For the string "parent", report how many lines in the records below contain it, and nothing more.

*** Opening Input material ***

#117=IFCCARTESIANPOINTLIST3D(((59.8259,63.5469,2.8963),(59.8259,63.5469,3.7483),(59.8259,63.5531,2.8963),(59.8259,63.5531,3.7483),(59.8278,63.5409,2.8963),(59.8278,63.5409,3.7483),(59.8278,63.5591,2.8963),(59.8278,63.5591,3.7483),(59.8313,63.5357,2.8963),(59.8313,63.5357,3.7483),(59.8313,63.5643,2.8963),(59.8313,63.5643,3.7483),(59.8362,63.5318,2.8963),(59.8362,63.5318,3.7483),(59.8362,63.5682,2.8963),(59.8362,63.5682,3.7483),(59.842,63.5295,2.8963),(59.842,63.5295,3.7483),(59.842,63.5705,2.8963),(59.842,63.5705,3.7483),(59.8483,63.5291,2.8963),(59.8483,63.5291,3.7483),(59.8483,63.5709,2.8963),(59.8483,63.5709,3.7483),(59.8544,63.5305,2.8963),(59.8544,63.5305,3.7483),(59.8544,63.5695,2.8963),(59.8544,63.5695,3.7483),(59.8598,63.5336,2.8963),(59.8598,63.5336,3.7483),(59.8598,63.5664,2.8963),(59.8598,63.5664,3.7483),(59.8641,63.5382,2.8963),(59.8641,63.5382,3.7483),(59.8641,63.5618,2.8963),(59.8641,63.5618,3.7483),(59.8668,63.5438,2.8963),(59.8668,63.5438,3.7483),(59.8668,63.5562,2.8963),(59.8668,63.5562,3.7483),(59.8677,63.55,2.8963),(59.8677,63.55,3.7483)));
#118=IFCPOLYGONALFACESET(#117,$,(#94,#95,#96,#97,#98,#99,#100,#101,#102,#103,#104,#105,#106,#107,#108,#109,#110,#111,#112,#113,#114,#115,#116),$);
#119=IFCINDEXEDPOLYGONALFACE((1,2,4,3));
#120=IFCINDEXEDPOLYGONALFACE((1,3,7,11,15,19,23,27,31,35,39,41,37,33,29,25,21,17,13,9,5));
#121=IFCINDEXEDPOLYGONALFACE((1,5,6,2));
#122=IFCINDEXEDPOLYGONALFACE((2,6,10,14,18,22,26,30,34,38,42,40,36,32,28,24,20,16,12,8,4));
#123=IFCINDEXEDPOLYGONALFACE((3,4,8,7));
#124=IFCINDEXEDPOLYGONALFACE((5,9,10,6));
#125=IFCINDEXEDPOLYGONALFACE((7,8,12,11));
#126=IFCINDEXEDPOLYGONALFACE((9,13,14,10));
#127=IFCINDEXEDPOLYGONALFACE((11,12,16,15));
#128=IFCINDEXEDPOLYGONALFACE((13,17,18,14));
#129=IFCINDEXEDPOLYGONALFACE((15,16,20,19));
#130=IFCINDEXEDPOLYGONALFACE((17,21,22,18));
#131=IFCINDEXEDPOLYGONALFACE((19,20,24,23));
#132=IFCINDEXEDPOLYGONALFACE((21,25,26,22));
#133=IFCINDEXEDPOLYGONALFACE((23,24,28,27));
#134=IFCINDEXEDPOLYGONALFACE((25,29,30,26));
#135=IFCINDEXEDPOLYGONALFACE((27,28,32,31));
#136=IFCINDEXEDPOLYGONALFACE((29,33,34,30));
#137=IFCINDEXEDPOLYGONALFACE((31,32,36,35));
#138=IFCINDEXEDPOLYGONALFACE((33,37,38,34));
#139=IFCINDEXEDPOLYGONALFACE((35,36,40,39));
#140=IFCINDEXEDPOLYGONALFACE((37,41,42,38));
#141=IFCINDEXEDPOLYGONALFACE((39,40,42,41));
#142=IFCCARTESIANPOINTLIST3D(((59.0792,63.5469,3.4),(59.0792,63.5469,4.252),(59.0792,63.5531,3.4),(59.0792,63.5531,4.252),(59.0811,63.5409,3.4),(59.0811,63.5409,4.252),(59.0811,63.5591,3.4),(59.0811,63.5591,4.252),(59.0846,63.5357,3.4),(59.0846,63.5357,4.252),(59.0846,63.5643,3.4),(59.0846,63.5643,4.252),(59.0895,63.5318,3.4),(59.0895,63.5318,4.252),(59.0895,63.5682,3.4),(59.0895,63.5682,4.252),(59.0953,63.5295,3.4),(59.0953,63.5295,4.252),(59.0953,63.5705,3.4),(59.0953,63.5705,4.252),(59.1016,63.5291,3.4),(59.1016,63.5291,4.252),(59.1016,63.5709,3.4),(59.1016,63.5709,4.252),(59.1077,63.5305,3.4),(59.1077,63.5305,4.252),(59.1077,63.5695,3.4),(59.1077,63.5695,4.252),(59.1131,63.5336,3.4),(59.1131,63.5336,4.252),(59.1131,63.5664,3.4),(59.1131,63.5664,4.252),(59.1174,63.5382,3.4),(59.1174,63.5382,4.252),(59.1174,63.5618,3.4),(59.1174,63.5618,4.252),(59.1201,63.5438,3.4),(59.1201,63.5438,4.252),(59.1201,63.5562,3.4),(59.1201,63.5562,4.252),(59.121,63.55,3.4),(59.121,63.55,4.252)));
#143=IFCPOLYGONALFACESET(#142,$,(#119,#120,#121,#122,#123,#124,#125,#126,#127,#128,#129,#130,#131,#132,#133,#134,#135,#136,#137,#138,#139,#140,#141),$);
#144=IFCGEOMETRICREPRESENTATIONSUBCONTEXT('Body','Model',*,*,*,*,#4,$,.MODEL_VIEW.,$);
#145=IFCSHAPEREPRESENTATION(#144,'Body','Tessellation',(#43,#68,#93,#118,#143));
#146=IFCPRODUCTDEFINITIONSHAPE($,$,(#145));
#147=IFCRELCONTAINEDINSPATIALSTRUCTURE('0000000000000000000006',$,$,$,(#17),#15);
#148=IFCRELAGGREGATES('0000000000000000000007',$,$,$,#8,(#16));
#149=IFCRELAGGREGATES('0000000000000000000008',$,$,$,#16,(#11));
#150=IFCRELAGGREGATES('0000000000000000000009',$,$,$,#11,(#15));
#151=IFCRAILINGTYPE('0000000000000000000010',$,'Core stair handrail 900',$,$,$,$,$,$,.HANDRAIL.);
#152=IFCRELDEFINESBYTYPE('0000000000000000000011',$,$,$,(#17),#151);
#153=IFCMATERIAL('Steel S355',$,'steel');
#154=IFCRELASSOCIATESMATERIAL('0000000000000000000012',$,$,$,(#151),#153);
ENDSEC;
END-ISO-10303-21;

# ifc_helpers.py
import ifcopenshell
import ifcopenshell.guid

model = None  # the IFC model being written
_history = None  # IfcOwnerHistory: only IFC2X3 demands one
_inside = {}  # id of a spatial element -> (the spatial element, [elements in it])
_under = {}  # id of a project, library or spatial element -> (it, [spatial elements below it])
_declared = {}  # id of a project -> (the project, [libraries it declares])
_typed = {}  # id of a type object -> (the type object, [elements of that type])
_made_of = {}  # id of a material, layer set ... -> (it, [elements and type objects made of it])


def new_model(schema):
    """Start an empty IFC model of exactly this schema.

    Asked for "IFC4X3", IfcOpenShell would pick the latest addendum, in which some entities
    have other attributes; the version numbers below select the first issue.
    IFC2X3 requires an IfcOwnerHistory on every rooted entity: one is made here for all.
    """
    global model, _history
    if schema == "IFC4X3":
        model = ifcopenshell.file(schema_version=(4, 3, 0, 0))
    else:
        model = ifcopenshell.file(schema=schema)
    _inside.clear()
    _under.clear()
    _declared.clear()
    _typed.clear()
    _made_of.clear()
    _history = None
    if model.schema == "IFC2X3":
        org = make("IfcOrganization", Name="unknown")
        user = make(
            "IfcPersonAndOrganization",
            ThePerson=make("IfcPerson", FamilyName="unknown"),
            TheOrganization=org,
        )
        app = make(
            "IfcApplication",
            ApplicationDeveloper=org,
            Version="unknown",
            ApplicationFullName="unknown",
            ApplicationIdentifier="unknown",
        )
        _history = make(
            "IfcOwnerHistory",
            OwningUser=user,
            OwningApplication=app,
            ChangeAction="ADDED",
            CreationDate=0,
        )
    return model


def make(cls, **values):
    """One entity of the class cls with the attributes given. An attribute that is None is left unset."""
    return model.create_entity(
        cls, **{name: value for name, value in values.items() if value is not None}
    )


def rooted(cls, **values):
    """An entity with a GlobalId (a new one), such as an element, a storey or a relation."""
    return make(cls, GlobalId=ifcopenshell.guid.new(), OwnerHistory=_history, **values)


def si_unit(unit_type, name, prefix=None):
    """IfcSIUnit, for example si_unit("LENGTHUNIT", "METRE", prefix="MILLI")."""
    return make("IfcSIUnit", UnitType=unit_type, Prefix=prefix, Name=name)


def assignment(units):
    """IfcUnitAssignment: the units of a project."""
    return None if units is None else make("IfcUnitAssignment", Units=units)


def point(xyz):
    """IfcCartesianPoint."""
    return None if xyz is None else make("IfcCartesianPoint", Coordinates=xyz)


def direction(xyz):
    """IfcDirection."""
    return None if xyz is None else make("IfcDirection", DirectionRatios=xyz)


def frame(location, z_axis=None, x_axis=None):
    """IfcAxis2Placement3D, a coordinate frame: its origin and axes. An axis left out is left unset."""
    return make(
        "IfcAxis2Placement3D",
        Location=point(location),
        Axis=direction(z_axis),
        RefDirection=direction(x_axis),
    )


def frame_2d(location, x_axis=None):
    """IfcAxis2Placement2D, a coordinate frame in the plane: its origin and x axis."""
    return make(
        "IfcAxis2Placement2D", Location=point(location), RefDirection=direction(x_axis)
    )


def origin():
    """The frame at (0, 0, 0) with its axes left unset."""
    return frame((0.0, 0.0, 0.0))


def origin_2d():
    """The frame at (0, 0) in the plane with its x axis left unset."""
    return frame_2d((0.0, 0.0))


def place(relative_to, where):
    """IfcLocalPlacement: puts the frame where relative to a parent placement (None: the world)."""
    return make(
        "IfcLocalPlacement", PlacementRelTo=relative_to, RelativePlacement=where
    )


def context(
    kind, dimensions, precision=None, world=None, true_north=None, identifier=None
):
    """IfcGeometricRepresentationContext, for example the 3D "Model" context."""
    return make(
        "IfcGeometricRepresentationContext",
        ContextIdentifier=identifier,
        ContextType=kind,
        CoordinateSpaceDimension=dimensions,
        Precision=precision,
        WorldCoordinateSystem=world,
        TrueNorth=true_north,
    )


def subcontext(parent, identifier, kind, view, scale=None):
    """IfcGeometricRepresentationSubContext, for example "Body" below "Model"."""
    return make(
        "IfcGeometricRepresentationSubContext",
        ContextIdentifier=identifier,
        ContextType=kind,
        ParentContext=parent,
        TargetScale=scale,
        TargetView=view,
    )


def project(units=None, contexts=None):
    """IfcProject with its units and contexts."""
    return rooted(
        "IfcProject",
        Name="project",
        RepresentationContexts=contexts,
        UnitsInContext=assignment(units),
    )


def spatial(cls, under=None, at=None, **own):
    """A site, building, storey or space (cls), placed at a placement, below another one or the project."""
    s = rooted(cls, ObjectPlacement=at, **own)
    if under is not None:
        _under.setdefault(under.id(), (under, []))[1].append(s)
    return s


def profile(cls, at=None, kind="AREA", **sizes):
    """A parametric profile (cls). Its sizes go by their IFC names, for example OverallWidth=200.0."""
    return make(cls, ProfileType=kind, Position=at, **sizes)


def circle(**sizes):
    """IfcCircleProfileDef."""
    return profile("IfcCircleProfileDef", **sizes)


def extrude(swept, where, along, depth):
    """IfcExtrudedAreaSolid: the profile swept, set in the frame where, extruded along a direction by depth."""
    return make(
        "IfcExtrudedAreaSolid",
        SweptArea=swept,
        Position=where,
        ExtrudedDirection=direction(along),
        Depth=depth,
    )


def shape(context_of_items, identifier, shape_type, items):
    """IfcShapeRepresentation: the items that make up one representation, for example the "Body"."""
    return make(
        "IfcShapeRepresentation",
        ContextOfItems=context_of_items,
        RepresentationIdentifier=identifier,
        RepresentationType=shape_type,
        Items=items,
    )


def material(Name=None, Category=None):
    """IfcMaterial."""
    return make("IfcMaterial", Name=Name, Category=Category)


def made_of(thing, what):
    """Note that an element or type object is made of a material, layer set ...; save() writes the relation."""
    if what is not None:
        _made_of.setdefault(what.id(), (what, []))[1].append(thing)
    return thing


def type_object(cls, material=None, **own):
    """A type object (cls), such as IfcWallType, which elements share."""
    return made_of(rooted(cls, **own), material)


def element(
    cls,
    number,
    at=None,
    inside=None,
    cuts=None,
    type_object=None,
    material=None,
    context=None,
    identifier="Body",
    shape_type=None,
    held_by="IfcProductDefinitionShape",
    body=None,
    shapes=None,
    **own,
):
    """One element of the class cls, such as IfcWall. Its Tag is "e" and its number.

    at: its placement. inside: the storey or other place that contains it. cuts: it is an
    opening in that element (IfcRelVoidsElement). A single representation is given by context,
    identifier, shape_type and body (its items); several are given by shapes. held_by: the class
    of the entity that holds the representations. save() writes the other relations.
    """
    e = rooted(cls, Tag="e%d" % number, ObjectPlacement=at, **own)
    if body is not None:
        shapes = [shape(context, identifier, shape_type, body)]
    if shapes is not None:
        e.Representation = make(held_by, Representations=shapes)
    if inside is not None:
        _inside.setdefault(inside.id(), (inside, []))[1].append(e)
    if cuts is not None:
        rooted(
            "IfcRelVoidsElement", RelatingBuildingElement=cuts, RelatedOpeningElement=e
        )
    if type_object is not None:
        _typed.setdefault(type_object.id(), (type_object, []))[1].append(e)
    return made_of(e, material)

*** Closing Input material ***

• _Task result_: 3